BEGIN

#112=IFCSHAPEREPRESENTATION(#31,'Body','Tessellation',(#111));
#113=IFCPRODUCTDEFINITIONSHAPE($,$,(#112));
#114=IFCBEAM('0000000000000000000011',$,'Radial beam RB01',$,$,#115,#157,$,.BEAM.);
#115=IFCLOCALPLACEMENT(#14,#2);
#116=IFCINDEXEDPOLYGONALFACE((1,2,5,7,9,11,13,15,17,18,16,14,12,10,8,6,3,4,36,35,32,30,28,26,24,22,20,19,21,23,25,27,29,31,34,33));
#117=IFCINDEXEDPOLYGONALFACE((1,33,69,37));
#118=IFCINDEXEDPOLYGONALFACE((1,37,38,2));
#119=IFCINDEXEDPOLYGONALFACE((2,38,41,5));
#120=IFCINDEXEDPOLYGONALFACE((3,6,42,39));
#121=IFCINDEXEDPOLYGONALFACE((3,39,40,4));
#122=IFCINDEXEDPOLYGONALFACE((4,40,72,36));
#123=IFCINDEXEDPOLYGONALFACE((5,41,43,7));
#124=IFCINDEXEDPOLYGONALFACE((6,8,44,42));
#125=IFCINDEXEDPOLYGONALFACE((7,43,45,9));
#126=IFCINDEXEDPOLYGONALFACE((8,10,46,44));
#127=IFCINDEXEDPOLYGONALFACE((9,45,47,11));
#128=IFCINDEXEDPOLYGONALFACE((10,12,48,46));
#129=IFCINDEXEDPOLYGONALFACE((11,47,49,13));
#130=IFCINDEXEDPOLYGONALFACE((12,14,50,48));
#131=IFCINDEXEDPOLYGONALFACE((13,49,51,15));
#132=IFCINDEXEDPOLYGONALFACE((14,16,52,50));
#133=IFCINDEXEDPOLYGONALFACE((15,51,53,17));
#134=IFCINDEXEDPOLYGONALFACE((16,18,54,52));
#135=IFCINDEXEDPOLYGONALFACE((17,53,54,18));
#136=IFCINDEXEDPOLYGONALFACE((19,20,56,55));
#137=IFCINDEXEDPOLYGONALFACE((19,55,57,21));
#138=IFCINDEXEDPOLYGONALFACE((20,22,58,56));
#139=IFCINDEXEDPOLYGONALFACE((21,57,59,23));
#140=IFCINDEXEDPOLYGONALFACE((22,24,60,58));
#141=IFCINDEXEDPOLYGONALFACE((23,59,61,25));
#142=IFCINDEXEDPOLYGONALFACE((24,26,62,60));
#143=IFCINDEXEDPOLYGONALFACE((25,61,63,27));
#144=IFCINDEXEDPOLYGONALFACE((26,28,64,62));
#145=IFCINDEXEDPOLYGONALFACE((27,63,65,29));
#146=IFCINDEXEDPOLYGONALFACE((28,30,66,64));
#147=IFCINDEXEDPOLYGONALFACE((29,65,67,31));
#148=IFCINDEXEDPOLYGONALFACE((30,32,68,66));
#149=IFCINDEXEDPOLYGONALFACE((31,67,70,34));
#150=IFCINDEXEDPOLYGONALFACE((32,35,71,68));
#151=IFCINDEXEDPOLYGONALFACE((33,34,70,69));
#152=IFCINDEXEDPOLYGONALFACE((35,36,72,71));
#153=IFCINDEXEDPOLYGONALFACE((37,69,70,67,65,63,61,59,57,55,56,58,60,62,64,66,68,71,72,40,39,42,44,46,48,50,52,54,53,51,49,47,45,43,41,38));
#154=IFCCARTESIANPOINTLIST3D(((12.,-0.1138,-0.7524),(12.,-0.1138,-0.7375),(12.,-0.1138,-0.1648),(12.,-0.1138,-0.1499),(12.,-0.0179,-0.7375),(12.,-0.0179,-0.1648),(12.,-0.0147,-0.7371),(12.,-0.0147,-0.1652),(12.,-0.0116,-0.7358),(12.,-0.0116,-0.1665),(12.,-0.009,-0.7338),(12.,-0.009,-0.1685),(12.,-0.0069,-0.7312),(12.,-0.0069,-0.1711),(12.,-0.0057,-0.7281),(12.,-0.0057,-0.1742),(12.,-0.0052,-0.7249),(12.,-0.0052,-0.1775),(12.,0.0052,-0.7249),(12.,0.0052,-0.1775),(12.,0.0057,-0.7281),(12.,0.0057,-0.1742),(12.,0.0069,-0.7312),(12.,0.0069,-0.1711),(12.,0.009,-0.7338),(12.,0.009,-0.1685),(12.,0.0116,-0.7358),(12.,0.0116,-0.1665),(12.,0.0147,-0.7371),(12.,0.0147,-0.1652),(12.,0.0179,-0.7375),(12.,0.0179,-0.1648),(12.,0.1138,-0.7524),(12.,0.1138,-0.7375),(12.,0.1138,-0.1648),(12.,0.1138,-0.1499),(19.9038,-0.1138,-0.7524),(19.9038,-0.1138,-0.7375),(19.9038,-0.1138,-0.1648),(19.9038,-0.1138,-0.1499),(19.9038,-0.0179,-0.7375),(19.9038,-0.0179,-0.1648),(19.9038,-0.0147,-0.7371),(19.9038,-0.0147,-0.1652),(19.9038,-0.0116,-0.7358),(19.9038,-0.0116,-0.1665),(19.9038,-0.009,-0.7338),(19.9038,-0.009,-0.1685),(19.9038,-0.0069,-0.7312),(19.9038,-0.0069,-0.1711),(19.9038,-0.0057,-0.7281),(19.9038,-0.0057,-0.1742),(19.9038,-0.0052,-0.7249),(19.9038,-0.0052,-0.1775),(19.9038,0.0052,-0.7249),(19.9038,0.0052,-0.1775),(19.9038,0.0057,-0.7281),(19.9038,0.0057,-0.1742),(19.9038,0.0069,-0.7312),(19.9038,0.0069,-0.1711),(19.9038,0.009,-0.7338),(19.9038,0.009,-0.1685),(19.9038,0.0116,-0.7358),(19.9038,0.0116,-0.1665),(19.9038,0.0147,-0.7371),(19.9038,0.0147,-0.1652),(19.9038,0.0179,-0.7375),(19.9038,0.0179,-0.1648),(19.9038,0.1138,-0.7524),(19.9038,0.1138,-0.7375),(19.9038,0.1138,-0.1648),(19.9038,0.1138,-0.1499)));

END

▸ **EXERCISE INSTRUCTIONS**: In full and without alteration, output the listing.

▸ **RESPONSE AREA**:
#112=IFCSHAPEREPRESENTATION(#31,'Body','Tessellation',(#111));
#113=IFCPRODUCTDEFINITIONSHAPE($,$,(#112));
#114=IFCBEAM('0000000000000000000011',$,'Radial beam RB01',$,$,#115,#157,$,.BEAM.);
#115=IFCLOCALPLACEMENT(#14,#2);
#116=IFCINDEXEDPOLYGONALFACE((1,2,5,7,9,11,13,15,17,18,16,14,12,10,8,6,3,4,36,35,32,30,28,26,24,22,20,19,21,23,25,27,29,31,34,33));
#117=IFCINDEXEDPOLYGONALFACE((1,33,69,37));
#118=IFCINDEXEDPOLYGONALFACE((1,37,38,2));
#119=IFCINDEXEDPOLYGONALFACE((2,38,41,5));
#120=IFCINDEXEDPOLYGONALFACE((3,6,42,39));
#121=IFCINDEXEDPOLYGONALFACE((3,39,40,4));
#122=IFCINDEXEDPOLYGONALFACE((4,40,72,36));
#123=IFCINDEXEDPOLYGONALFACE((5,41,43,7));
#124=IFCINDEXEDPOLYGONALFACE((6,8,44,42));
#125=IFCINDEXEDPOLYGONALFACE((7,43,45,9));
#126=IFCINDEXEDPOLYGONALFACE((8,10,46,44));
#127=IFCINDEXEDPOLYGONALFACE((9,45,47,11));
#128=IFCINDEXEDPOLYGONALFACE((10,12,48,46));
#129=IFCINDEXEDPOLYGONALFACE((11,47,49,13));
#130=IFCINDEXEDPOLYGONALFACE((12,14,50,48));
#131=IFCINDEXEDPOLYGONALFACE((13,49,51,15));
#132=IFCINDEXEDPOLYGONALFACE((14,16,52,50));
#133=IFCINDEXEDPOLYGONALFACE((15,51,53,17));
#134=IFCINDEXEDPOLYGONALFACE((16,18,54,52));
#135=IFCINDEXEDPOLYGONALFACE((17,53,54,18));
#136=IFCINDEXEDPOLYGONALFACE((19,20,56,55));
#137=IFCINDEXEDPOLYGONALFACE((19,55,57,21));
#138=IFCINDEXEDPOLYGONALFACE((20,22,58,56));
#139=IFCINDEXEDPOLYGONALFACE((21,57,59,23));
#140=IFCINDEXEDPOLYGONALFACE((22,24,60,58));
#141=IFCINDEXEDPOLYGONALFACE((23,59,61,25));
#142=IFCINDEXEDPOLYGONALFACE((24,26,62,60));
#143=IFCINDEXEDPOLYGONALFACE((25,61,63,27));
#144=IFCINDEXEDPOLYGONALFACE((26,28,64,62));
#145=IFCINDEXEDPOLYGONALFACE((27,63,65,29));
#146=IFCINDEXEDPOLYGONALFACE((28,30,66,64));
#147=IFCINDEXEDPOLYGONALFACE((29,65,67,31));
#148=IFCINDEXEDPOLYGONALFACE((30,32,68,66));
#149=IFCINDEXEDPOLYGONALFACE((31,67,70,34));
#150=IFCINDEXEDPOLYGONALFACE((32,35,71,68));
#151=IFCINDEXEDPOLYGONALFACE((33,34,70,69));
#152=IFCINDEXEDPOLYGONALFACE((35,36,72,71));
#153=IFCINDEXEDPOLYGONALFACE((37,69,70,67,65,63,61,59,57,55,56,58,60,62,64,66,68,71,72,40,39,42,44,46,48,50,52,54,53,51,49,47,45,43,41,38));
#154=IFCCARTESIANPOINTLIST3D(((12.,-0.1138,-0.7524),(12.,-0.1138,-0.7375),(12.,-0.1138,-0.1648),(12.,-0.1138,-0.1499),(12.,-0.0179,-0.7375),(12.,-0.0179,-0.1648),(12.,-0.0147,-0.7371),(12.,-0.0147,-0.1652),(12.,-0.0116,-0.7358),(12.,-0.0116,-0.1665),(12.,-0.009,-0.7338),(12.,-0.009,-0.1685),(12.,-0.0069,-0.7312),(12.,-0.0069,-0.1711),(12.,-0.0057,-0.7281),(12.,-0.0057,-0.1742),(12.,-0.0052,-0.7249),(12.,-0.0052,-0.1775),(12.,0.0052,-0.7249),(12.,0.0052,-0.1775),(12.,0.0057,-0.7281),(12.,0.0057,-0.1742),(12.,0.0069,-0.7312),(12.,0.0069,-0.1711),(12.,0.009,-0.7338),(12.,0.009,-0.1685),(12.,0.0116,-0.7358),(12.,0.0116,-0.1665),(12.,0.0147,-0.7371),(12.,0.0147,-0.1652),(12.,0.0179,-0.7375),(12.,0.0179,-0.1648),(12.,0.1138,-0.7524),(12.,0.1138,-0.7375),(12.,0.1138,-0.1648),(12.,0.1138,-0.1499),(19.9038,-0.1138,-0.7524),(19.9038,-0.1138,-0.7375),(19.9038,-0.1138,-0.1648),(19.9038,-0.1138,-0.1499),(19.9038,-0.0179,-0.7375),(19.9038,-0.0179,-0.1648),(19.9038,-0.0147,-0.7371),(19.9038,-0.0147,-0.1652),(19.9038,-0.0116,-0.7358),(19.9038,-0.0116,-0.1665),(19.9038,-0.009,-0.7338),(19.9038,-0.009,-0.1685),(19.9038,-0.0069,-0.7312),(19.9038,-0.0069,-0.1711),(19.9038,-0.0057,-0.7281),(19.9038,-0.0057,-0.1742),(19.9038,-0.0052,-0.7249),(19.9038,-0.0052,-0.1775),(19.9038,0.0052,-0.7249),(19.9038,0.0052,-0.1775),(19.9038,0.0057,-0.7281),(19.9038,0.0057,-0.1742),(19.9038,0.0069,-0.7312),(19.9038,0.0069,-0.1711),(19.9038,0.009,-0.7338),(19.9038,0.009,-0.1685),(19.9038,0.0116,-0.7358),(19.9038,0.0116,-0.1665),(19.9038,0.0147,-0.7371),(19.9038,0.0147,-0.1652),(19.9038,0.0179,-0.7375),(19.9038,0.0179,-0.1648),(19.9038,0.1138,-0.7524),(19.9038,0.1138,-0.7375),(19.9038,0.1138,-0.1648),(19.9038,0.1138,-0.1499)));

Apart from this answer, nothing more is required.